§ **What the exercise asks**: Somewhere below, one line contains "#51=IFCINDEXEDPOLYGONALFACE((61,62,68,67));" and a later line contains "#54=IFCINDEXEDPOLYGONALFACE((69,71,72,70));". Output those two lines and everything between them exactly, and nothing else.
*** Supplied data ***
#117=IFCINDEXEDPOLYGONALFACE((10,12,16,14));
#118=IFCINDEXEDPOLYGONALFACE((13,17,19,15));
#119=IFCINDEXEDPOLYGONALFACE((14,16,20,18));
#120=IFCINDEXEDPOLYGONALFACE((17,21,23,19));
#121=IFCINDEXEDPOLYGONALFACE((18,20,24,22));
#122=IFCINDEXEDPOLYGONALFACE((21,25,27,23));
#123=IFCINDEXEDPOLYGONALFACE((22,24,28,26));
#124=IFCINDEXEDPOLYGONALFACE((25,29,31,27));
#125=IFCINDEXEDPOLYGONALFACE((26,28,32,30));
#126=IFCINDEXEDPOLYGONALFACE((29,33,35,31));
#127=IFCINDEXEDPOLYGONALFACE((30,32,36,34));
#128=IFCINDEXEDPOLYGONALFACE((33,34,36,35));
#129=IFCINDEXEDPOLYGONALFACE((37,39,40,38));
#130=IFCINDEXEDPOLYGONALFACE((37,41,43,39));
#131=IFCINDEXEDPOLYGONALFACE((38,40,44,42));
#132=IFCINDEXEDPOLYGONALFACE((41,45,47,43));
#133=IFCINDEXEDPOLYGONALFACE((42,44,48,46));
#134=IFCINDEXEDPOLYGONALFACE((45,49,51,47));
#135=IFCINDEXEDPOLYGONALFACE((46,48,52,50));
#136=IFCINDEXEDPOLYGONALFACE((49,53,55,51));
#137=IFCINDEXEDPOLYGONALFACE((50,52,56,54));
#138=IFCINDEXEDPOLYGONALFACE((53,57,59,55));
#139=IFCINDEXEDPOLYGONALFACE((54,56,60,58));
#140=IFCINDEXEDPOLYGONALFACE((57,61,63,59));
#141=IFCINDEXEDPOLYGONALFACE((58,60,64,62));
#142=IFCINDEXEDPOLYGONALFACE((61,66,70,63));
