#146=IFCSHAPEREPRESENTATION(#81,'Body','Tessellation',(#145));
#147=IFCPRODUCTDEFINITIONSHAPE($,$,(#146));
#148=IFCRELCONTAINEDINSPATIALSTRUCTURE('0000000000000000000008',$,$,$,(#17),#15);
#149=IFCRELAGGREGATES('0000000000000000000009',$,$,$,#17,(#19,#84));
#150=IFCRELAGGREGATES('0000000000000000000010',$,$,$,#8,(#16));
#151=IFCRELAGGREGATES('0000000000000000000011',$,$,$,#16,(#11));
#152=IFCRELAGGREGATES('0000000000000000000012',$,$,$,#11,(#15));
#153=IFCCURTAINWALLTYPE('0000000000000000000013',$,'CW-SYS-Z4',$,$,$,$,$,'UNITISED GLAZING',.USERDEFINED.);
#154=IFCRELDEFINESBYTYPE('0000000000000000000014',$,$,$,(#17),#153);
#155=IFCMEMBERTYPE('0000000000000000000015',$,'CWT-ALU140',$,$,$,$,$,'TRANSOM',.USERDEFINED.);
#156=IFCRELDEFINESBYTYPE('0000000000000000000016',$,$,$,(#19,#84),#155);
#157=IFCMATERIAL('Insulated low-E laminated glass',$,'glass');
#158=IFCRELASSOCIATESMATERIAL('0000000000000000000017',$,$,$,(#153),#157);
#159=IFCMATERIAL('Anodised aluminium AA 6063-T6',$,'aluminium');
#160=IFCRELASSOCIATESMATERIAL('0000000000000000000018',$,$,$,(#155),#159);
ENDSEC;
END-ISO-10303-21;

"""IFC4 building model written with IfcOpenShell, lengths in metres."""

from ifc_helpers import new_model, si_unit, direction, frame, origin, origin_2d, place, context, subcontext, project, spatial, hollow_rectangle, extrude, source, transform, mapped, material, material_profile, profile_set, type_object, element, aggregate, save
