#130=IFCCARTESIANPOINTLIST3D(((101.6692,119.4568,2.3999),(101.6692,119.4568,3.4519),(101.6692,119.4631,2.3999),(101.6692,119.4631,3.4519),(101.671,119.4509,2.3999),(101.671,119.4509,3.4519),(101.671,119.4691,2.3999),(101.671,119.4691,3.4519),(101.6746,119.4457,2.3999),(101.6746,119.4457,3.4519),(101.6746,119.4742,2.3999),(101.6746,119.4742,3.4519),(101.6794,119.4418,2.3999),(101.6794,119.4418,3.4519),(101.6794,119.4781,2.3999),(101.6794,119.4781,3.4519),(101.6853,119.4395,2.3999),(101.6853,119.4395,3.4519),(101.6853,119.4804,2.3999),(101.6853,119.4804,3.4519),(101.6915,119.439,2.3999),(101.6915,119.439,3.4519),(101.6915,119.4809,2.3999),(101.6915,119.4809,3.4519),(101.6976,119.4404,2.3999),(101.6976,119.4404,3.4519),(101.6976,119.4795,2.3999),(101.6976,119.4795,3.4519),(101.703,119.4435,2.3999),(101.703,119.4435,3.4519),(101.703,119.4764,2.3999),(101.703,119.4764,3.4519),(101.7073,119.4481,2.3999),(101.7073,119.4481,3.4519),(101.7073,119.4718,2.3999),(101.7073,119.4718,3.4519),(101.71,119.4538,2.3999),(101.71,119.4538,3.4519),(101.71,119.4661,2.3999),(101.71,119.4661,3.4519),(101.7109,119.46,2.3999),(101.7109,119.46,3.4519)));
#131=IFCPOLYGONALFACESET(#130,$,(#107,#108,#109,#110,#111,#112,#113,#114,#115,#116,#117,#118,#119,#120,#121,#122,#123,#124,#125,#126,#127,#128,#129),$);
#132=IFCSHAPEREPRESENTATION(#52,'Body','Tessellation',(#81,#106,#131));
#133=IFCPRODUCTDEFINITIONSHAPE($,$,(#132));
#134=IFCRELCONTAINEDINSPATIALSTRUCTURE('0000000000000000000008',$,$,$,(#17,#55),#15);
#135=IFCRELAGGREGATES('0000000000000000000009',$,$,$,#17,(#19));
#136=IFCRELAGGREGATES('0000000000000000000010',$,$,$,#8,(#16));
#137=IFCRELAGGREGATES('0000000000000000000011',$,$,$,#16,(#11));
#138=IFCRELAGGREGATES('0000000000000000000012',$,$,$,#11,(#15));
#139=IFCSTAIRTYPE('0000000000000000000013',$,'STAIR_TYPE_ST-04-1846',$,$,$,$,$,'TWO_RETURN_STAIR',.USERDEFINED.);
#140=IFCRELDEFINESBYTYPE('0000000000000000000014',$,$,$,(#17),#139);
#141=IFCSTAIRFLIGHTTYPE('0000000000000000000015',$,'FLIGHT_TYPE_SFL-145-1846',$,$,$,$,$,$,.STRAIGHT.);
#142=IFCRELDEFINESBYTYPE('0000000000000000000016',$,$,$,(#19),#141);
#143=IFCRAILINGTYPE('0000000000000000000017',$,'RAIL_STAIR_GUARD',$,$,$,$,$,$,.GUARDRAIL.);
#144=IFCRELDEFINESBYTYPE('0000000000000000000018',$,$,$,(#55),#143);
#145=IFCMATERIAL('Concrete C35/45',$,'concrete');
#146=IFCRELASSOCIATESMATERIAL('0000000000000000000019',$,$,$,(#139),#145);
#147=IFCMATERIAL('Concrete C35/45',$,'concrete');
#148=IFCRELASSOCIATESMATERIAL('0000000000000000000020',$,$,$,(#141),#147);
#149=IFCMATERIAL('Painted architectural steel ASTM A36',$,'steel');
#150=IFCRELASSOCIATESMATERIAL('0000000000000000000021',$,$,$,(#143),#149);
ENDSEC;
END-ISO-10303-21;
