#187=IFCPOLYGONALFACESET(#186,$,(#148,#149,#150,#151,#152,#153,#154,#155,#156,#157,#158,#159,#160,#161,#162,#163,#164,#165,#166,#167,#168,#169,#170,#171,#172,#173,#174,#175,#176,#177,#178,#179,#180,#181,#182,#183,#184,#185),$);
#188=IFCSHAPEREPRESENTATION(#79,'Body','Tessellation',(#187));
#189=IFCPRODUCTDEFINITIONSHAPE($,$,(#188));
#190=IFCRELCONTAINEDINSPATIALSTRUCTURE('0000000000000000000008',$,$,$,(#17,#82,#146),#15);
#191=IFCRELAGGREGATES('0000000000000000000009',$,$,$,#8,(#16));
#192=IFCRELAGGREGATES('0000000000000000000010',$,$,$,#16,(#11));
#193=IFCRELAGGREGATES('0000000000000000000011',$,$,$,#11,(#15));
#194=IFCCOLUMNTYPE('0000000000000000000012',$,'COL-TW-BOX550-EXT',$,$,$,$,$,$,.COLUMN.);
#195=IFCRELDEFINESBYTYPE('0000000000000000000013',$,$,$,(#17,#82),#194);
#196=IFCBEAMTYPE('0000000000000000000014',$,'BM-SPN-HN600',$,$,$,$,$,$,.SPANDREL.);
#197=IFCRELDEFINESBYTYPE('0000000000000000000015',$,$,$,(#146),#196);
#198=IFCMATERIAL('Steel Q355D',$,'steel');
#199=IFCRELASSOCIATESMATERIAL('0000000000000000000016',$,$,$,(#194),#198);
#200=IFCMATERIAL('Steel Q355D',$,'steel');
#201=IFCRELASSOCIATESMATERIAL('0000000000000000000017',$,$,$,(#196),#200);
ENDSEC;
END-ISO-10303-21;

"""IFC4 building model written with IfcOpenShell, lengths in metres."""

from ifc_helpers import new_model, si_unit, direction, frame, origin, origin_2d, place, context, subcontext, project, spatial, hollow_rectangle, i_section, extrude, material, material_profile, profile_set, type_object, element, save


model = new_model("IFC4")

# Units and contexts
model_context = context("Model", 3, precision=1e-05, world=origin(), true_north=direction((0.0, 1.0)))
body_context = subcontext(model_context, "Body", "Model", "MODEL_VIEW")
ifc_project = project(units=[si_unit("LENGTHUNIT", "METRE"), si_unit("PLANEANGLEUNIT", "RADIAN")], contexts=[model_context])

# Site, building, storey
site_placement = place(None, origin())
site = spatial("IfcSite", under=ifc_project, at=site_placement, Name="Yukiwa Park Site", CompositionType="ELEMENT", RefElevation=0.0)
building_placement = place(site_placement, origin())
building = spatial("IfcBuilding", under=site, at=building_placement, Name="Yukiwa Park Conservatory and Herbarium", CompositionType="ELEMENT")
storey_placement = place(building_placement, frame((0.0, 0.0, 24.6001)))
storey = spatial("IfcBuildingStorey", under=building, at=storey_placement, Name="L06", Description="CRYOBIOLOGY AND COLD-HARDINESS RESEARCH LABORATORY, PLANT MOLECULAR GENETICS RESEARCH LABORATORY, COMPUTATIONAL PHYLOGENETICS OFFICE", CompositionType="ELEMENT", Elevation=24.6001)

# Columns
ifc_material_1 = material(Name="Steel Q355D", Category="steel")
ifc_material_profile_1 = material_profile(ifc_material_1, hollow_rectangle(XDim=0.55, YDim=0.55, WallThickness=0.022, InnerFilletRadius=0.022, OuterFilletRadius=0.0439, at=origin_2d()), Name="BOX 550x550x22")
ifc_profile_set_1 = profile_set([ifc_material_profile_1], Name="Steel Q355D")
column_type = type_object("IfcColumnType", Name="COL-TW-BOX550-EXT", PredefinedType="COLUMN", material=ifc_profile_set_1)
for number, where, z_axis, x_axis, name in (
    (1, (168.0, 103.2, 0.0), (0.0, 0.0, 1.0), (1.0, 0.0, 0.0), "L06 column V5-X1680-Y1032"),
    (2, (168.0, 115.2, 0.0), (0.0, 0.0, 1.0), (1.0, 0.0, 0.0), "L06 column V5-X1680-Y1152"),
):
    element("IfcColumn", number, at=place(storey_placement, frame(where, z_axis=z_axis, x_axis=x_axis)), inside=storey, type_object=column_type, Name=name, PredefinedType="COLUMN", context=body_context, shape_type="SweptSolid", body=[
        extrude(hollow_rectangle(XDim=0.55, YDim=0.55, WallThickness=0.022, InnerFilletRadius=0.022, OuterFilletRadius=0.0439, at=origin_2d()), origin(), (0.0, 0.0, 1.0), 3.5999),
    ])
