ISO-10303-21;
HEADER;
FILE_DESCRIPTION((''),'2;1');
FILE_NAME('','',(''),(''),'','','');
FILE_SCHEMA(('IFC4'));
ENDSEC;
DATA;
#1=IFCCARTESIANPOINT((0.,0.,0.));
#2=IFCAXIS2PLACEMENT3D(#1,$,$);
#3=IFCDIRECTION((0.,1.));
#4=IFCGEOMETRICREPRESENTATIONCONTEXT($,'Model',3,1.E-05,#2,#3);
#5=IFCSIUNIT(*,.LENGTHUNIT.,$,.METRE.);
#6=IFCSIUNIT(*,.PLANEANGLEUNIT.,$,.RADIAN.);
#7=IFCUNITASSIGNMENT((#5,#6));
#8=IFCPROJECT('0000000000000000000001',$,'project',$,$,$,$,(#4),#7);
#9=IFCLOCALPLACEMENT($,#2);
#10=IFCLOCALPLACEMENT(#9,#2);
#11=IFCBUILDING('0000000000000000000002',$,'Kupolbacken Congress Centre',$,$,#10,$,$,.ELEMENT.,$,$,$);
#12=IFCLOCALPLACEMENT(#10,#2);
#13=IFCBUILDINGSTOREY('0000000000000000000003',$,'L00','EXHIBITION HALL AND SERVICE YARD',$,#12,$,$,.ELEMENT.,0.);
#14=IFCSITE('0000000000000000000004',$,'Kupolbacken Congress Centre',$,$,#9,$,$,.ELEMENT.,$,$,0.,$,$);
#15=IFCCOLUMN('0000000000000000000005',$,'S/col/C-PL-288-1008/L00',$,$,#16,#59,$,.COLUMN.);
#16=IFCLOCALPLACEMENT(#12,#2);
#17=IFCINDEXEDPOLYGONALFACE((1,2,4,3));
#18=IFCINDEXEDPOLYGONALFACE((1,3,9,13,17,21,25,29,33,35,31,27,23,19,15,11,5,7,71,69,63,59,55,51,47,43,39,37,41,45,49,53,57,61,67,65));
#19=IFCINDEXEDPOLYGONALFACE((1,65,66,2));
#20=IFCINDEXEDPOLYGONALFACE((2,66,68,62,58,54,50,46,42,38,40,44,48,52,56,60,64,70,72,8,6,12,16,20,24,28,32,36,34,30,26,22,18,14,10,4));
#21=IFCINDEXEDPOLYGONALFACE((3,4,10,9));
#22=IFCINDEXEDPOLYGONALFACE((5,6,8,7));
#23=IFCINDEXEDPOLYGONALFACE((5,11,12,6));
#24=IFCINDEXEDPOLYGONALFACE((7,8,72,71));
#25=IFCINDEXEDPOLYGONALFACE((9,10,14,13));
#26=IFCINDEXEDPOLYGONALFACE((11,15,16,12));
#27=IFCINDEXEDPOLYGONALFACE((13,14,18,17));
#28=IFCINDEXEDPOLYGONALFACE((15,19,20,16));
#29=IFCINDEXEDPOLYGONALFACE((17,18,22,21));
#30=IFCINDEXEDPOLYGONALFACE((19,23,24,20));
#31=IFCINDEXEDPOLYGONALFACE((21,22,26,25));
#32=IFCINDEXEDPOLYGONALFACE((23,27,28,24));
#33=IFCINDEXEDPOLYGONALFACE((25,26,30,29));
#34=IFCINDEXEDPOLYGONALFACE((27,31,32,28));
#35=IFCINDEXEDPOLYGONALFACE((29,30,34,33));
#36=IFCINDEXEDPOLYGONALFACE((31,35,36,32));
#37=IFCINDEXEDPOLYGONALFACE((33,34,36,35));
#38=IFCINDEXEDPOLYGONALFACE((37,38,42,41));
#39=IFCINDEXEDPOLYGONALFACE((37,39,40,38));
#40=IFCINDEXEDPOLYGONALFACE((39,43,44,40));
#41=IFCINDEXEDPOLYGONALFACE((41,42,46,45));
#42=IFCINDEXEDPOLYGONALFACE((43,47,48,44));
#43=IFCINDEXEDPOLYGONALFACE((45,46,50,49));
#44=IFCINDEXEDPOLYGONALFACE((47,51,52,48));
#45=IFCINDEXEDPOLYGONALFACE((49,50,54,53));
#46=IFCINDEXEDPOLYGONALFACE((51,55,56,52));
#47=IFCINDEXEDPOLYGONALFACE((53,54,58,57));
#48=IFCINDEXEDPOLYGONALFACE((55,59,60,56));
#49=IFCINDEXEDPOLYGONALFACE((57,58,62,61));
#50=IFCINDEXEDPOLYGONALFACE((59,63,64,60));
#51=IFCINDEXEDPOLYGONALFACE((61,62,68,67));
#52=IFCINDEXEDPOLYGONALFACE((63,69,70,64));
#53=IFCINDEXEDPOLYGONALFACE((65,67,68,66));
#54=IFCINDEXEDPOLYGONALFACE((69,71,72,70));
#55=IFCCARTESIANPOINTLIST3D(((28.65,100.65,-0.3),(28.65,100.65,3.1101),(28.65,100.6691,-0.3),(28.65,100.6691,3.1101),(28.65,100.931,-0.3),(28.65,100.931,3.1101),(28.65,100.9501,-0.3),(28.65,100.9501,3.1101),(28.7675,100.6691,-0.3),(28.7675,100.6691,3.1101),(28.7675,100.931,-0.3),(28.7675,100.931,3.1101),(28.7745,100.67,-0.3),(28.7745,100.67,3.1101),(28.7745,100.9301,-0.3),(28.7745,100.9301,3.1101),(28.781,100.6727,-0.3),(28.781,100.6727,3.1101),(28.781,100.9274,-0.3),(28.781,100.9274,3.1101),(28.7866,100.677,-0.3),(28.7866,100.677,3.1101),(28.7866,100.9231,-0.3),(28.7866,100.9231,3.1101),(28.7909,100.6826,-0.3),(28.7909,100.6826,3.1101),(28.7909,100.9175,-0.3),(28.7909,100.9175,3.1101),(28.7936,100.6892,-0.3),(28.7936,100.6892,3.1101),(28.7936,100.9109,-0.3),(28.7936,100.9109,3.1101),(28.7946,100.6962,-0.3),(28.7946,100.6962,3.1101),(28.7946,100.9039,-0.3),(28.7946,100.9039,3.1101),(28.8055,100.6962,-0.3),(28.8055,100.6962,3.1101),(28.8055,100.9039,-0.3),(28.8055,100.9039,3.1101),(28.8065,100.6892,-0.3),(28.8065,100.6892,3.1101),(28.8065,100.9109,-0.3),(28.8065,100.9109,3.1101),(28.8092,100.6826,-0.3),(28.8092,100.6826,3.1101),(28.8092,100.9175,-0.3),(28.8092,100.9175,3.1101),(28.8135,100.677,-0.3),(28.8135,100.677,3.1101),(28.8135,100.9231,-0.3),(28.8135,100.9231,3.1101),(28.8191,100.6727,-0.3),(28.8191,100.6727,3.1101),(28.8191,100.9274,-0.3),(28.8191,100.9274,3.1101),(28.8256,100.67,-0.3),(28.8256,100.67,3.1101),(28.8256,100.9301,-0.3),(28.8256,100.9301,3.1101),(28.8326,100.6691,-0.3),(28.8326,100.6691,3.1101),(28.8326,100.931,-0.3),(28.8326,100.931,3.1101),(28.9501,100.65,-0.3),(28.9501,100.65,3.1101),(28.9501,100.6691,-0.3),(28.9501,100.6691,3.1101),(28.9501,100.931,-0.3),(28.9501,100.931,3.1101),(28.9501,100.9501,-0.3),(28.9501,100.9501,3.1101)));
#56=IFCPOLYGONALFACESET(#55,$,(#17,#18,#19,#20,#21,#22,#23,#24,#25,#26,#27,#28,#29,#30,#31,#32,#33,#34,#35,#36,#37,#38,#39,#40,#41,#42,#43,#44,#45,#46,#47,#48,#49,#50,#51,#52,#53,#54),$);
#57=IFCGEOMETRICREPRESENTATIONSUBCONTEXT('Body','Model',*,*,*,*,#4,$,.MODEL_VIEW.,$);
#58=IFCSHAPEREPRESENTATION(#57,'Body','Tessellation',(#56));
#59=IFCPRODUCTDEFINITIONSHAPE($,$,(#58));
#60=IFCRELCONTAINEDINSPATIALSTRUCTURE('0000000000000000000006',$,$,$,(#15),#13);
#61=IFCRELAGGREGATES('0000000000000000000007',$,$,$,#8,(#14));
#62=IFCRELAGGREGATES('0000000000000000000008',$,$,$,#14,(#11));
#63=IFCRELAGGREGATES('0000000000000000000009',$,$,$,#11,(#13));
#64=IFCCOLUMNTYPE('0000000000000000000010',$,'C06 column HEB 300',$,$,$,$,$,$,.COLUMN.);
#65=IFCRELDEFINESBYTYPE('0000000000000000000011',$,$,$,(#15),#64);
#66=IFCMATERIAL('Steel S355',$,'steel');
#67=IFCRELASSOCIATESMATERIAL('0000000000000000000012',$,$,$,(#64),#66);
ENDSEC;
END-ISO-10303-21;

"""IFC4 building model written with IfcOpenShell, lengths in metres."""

from ifc_helpers import new_model, si_unit, direction, frame, origin, origin_2d, place, context, subcontext, project, spatial, i_section, extrude, material, material_profile, profile_set, type_object, element, save


model = new_model("IFC4")

# Units and contexts
model_context = context("Model", 3, precision=1e-05, world=origin(), true_north=direction((0.0, 1.0)))
body_context = subcontext(model_context, "Body", "Model", "MODEL_VIEW")
ifc_project = project(units=[si_unit("LENGTHUNIT", "METRE"), si_unit("PLANEANGLEUNIT", "RADIAN")], contexts=[model_context])

# Site, building, storey
site_placement = place(None, origin())
site = spatial("IfcSite", under=ifc_project, at=site_placement, Name="Kupolbacken Congress Centre", CompositionType="ELEMENT", RefElevation=0.0)
building_placement = place(site_placement, origin())
building = spatial("IfcBuilding", under=site, at=building_placement, Name="Kupolbacken Congress Centre", CompositionType="ELEMENT")
storey_placement = place(building_placement, origin())
storey = spatial("IfcBuildingStorey", under=building, at=storey_placement, Name="L00", Description="EXHIBITION HALL AND SERVICE YARD", CompositionType="ELEMENT", Elevation=0.0)

# Column
ifc_material_1 = material(Name="Steel S355", Category="steel")
ifc_material_profile_1 = material_profile(ifc_material_1, i_section(OverallWidth=0.3, OverallDepth=0.3, WebThickness=0.011, FlangeThickness=0.019, FilletRadius=0.0271, at=origin_2d()), Name="HEB 300")
ifc_profile_set_1 = profile_set([ifc_material_profile_1], Name="Steel S355")
column_type = type_object("IfcColumnType", Name="C06 column HEB 300", PredefinedType="COLUMN", material=ifc_profile_set_1)
for number, where, z_axis, x_axis, name in (
    (1, (28.8, 100.8, -0.3), (0.0, 0.0, 1.0), (1.0, 0.0, 0.0), "S/col/C-PL-288-1008/L00"),
):
    element("IfcColumn", number, at=place(storey_placement, frame(where, z_axis=z_axis, x_axis=x_axis)), inside=storey, type_object=column_type, Name=name, PredefinedType="COLUMN", context=body_context, shape_type="SweptSolid", body=[
        extrude(i_section(OverallWidth=0.3, OverallDepth=0.3, WebThickness=0.011, FlangeThickness=0.019, FilletRadius=0.0271, at=origin_2d()), origin(), (0.0, 0.0, 1.0), 3.4102),
    ])

save(model, "model.ifc")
*** End of Supplied data ***
§ **Response below**:
#51=IFCINDEXEDPOLYGONALFACE((61,62,68,67));
#52=IFCINDEXEDPOLYGONALFACE((63,69,70,64));
#53=IFCINDEXEDPOLYGONALFACE((65,67,68,66));
#54=IFCINDEXEDPOLYGONALFACE((69,71,72,70));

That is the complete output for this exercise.